'''

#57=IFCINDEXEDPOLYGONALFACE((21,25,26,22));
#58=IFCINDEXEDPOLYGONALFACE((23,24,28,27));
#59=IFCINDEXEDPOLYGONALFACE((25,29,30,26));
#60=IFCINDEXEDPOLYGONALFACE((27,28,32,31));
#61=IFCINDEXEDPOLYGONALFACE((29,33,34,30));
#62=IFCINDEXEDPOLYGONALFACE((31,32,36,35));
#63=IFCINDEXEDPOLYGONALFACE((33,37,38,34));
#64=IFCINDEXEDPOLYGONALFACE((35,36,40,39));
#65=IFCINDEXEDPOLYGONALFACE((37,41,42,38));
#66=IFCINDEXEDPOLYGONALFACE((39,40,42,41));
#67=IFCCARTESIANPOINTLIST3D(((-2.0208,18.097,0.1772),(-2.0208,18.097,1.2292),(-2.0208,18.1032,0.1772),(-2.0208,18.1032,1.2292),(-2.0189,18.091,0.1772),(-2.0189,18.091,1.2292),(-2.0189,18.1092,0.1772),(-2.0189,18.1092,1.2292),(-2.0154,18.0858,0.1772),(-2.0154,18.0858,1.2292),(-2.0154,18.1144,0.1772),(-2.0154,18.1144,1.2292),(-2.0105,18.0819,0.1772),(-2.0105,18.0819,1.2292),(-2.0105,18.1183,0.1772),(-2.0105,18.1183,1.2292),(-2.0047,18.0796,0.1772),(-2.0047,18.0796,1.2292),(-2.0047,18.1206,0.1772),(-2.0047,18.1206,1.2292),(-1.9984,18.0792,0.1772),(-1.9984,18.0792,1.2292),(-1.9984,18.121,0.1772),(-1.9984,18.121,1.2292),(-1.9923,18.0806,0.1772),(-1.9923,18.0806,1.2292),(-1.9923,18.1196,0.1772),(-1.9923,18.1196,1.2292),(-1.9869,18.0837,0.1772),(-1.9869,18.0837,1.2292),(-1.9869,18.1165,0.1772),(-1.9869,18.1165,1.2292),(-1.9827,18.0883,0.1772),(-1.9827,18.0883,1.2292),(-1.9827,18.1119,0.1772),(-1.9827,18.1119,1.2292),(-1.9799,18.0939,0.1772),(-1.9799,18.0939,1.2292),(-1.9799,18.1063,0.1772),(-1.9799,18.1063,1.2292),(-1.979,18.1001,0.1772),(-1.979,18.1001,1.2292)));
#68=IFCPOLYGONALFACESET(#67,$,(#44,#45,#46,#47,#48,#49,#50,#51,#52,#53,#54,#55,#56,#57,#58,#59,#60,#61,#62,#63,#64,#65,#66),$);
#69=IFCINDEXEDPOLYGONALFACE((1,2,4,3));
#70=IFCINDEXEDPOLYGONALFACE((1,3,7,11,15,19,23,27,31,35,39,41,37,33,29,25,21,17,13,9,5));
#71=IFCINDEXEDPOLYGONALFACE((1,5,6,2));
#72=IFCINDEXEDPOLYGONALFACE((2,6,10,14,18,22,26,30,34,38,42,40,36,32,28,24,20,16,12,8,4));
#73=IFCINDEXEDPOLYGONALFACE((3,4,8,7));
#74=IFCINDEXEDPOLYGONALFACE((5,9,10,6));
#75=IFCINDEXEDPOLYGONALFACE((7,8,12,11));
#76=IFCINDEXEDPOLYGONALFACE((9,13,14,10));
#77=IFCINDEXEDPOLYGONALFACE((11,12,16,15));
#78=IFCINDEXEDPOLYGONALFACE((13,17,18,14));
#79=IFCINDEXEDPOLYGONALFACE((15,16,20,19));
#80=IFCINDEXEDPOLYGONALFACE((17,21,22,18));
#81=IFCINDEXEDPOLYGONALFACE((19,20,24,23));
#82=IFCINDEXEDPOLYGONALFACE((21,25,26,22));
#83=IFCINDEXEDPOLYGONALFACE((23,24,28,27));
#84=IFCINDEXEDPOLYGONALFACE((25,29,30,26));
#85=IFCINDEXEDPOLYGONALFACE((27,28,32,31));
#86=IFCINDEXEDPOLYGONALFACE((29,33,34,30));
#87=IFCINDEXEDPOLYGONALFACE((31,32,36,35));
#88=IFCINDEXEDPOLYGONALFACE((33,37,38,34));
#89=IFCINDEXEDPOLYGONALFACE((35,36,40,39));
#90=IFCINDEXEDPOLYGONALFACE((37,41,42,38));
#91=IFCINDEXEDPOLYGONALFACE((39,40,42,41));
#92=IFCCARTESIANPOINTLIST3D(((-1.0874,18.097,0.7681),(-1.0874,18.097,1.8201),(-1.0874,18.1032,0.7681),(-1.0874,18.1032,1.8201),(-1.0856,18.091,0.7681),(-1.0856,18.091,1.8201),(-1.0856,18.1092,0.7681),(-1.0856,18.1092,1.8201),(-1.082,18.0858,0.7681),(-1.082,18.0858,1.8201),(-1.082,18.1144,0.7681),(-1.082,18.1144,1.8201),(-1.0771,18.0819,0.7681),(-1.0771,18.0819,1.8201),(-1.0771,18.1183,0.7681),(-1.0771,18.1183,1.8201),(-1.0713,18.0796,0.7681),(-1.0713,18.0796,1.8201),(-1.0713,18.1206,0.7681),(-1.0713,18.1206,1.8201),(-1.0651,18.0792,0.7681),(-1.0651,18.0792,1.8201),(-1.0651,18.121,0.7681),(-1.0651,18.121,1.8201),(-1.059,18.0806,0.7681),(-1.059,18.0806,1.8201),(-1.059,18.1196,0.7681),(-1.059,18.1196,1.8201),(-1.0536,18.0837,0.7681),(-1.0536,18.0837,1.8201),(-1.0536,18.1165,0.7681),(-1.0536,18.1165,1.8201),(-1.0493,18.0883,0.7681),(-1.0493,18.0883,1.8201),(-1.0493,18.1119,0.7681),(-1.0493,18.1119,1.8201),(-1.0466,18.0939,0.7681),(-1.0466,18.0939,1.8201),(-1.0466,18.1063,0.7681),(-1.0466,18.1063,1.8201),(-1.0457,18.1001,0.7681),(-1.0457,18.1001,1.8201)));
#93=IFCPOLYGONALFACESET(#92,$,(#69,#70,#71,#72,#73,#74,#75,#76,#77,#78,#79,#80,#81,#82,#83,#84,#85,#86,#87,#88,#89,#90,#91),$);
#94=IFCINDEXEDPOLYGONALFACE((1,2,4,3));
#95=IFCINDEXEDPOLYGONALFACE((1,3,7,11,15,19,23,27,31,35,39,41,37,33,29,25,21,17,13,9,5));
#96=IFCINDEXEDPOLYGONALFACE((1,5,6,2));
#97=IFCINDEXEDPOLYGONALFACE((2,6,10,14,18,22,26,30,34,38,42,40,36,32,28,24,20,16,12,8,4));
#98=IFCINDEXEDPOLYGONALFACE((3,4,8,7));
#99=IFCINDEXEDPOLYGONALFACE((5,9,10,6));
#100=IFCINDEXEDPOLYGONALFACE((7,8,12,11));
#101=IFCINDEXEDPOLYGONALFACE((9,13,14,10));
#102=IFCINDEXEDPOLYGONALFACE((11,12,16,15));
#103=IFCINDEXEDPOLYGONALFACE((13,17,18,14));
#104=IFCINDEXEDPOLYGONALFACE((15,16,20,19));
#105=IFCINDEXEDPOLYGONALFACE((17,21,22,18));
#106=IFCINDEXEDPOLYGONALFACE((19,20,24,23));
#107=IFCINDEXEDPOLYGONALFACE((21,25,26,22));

'''

**The problem**
Output the records exactly, so that each line matches what was given.

**Answer section**
#57=IFCINDEXEDPOLYGONALFACE((21,25,26,22));
#58=IFCINDEXEDPOLYGONALFACE((23,24,28,27));
#59=IFCINDEXEDPOLYGONALFACE((25,29,30,26));
#60=IFCINDEXEDPOLYGONALFACE((27,28,32,31));
#61=IFCINDEXEDPOLYGONALFACE((29,33,34,30));
#62=IFCINDEXEDPOLYGONALFACE((31,32,36,35));
#63=IFCINDEXEDPOLYGONALFACE((33,37,38,34));
#64=IFCINDEXEDPOLYGONALFACE((35,36,40,39));
#65=IFCINDEXEDPOLYGONALFACE((37,41,42,38));
#66=IFCINDEXEDPOLYGONALFACE((39,40,42,41));
#67=IFCCARTESIANPOINTLIST3D(((-2.0208,18.097,0.1772),(-2.0208,18.097,1.2292),(-2.0208,18.1032,0.1772),(-2.0208,18.1032,1.2292),(-2.0189,18.091,0.1772),(-2.0189,18.091,1.2292),(-2.0189,18.1092,0.1772),(-2.0189,18.1092,1.2292),(-2.0154,18.0858,0.1772),(-2.0154,18.0858,1.2292),(-2.0154,18.1144,0.1772),(-2.0154,18.1144,1.2292),(-2.0105,18.0819,0.1772),(-2.0105,18.0819,1.2292),(-2.0105,18.1183,0.1772),(-2.0105,18.1183,1.2292),(-2.0047,18.0796,0.1772),(-2.0047,18.0796,1.2292),(-2.0047,18.1206,0.1772),(-2.0047,18.1206,1.2292),(-1.9984,18.0792,0.1772),(-1.9984,18.0792,1.2292),(-1.9984,18.121,0.1772),(-1.9984,18.121,1.2292),(-1.9923,18.0806,0.1772),(-1.9923,18.0806,1.2292),(-1.9923,18.1196,0.1772),(-1.9923,18.1196,1.2292),(-1.9869,18.0837,0.1772),(-1.9869,18.0837,1.2292),(-1.9869,18.1165,0.1772),(-1.9869,18.1165,1.2292),(-1.9827,18.0883,0.1772),(-1.9827,18.0883,1.2292),(-1.9827,18.1119,0.1772),(-1.9827,18.1119,1.2292),(-1.9799,18.0939,0.1772),(-1.9799,18.0939,1.2292),(-1.9799,18.1063,0.1772),(-1.9799,18.1063,1.2292),(-1.979,18.1001,0.1772),(-1.979,18.1001,1.2292)));
#68=IFCPOLYGONALFACESET(#67,$,(#44,#45,#46,#47,#48,#49,#50,#51,#52,#53,#54,#55,#56,#57,#58,#59,#60,#61,#62,#63,#64,#65,#66),$);
#69=IFCINDEXEDPOLYGONALFACE((1,2,4,3));
#70=IFCINDEXEDPOLYGONALFACE((1,3,7,11,15,19,23,27,31,35,39,41,37,33,29,25,21,17,13,9,5));
#71=IFCINDEXEDPOLYGONALFACE((1,5,6,2));
#72=IFCINDEXEDPOLYGONALFACE((2,6,10,14,18,22,26,30,34,38,42,40,36,32,28,24,20,16,12,8,4));
#73=IFCINDEXEDPOLYGONALFACE((3,4,8,7));
#74=IFCINDEXEDPOLYGONALFACE((5,9,10,6));
#75=IFCINDEXEDPOLYGONALFACE((7,8,12,11));
#76=IFCINDEXEDPOLYGONALFACE((9,13,14,10));
#77=IFCINDEXEDPOLYGONALFACE((11,12,16,15));
#78=IFCINDEXEDPOLYGONALFACE((13,17,18,14));
#79=IFCINDEXEDPOLYGONALFACE((15,16,20,19));
#80=IFCINDEXEDPOLYGONALFACE((17,21,22,18));
#81=IFCINDEXEDPOLYGONALFACE((19,20,24,23));
#82=IFCINDEXEDPOLYGONALFACE((21,25,26,22));
#83=IFCINDEXEDPOLYGONALFACE((23,24,28,27));
#84=IFCINDEXEDPOLYGONALFACE((25,29,30,26));
#85=IFCINDEXEDPOLYGONALFACE((27,28,32,31));
#86=IFCINDEXEDPOLYGONALFACE((29,33,34,30));
#87=IFCINDEXEDPOLYGONALFACE((31,32,36,35));
#88=IFCINDEXEDPOLYGONALFACE((33,37,38,34));
#89=IFCINDEXEDPOLYGONALFACE((35,36,40,39));
#90=IFCINDEXEDPOLYGONALFACE((37,41,42,38));
#91=IFCINDEXEDPOLYGONALFACE((39,40,42,41));
#92=IFCCARTESIANPOINTLIST3D(((-1.0874,18.097,0.7681),(-1.0874,18.097,1.8201),(-1.0874,18.1032,0.7681),(-1.0874,18.1032,1.8201),(-1.0856,18.091,0.7681),(-1.0856,18.091,1.8201),(-1.0856,18.1092,0.7681),(-1.0856,18.1092,1.8201),(-1.082,18.0858,0.7681),(-1.082,18.0858,1.8201),(-1.082,18.1144,0.7681),(-1.082,18.1144,1.8201),(-1.0771,18.0819,0.7681),(-1.0771,18.0819,1.8201),(-1.0771,18.1183,0.7681),(-1.0771,18.1183,1.8201),(-1.0713,18.0796,0.7681),(-1.0713,18.0796,1.8201),(-1.0713,18.1206,0.7681),(-1.0713,18.1206,1.8201),(-1.0651,18.0792,0.7681),(-1.0651,18.0792,1.8201),(-1.0651,18.121,0.7681),(-1.0651,18.121,1.8201),(-1.059,18.0806,0.7681),(-1.059,18.0806,1.8201),(-1.059,18.1196,0.7681),(-1.059,18.1196,1.8201),(-1.0536,18.0837,0.7681),(-1.0536,18.0837,1.8201),(-1.0536,18.1165,0.7681),(-1.0536,18.1165,1.8201),(-1.0493,18.0883,0.7681),(-1.0493,18.0883,1.8201),(-1.0493,18.1119,0.7681),(-1.0493,18.1119,1.8201),(-1.0466,18.0939,0.7681),(-1.0466,18.0939,1.8201),(-1.0466,18.1063,0.7681),(-1.0466,18.1063,1.8201),(-1.0457,18.1001,0.7681),(-1.0457,18.1001,1.8201)));
#93=IFCPOLYGONALFACESET(#92,$,(#69,#70,#71,#72,#73,#74,#75,#76,#77,#78,#79,#80,#81,#82,#83,#84,#85,#86,#87,#88,#89,#90,#91),$);
#94=IFCINDEXEDPOLYGONALFACE((1,2,4,3));
#95=IFCINDEXEDPOLYGONALFACE((1,3,7,11,15,19,23,27,31,35,39,41,37,33,29,25,21,17,13,9,5));
#96=IFCINDEXEDPOLYGONALFACE((1,5,6,2));
#97=IFCINDEXEDPOLYGONALFACE((2,6,10,14,18,22,26,30,34,38,42,40,36,32,28,24,20,16,12,8,4));
#98=IFCINDEXEDPOLYGONALFACE((3,4,8,7));
#99=IFCINDEXEDPOLYGONALFACE((5,9,10,6));
#100=IFCINDEXEDPOLYGONALFACE((7,8,12,11));
#101=IFCINDEXEDPOLYGONALFACE((9,13,14,10));
#102=IFCINDEXEDPOLYGONALFACE((11,12,16,15));
#103=IFCINDEXEDPOLYGONALFACE((13,17,18,14));
#104=IFCINDEXEDPOLYGONALFACE((15,16,20,19));
#105=IFCINDEXEDPOLYGONALFACE((17,21,22,18));
#106=IFCINDEXEDPOLYGONALFACE((19,20,24,23));
#107=IFCINDEXEDPOLYGONALFACE((21,25,26,22));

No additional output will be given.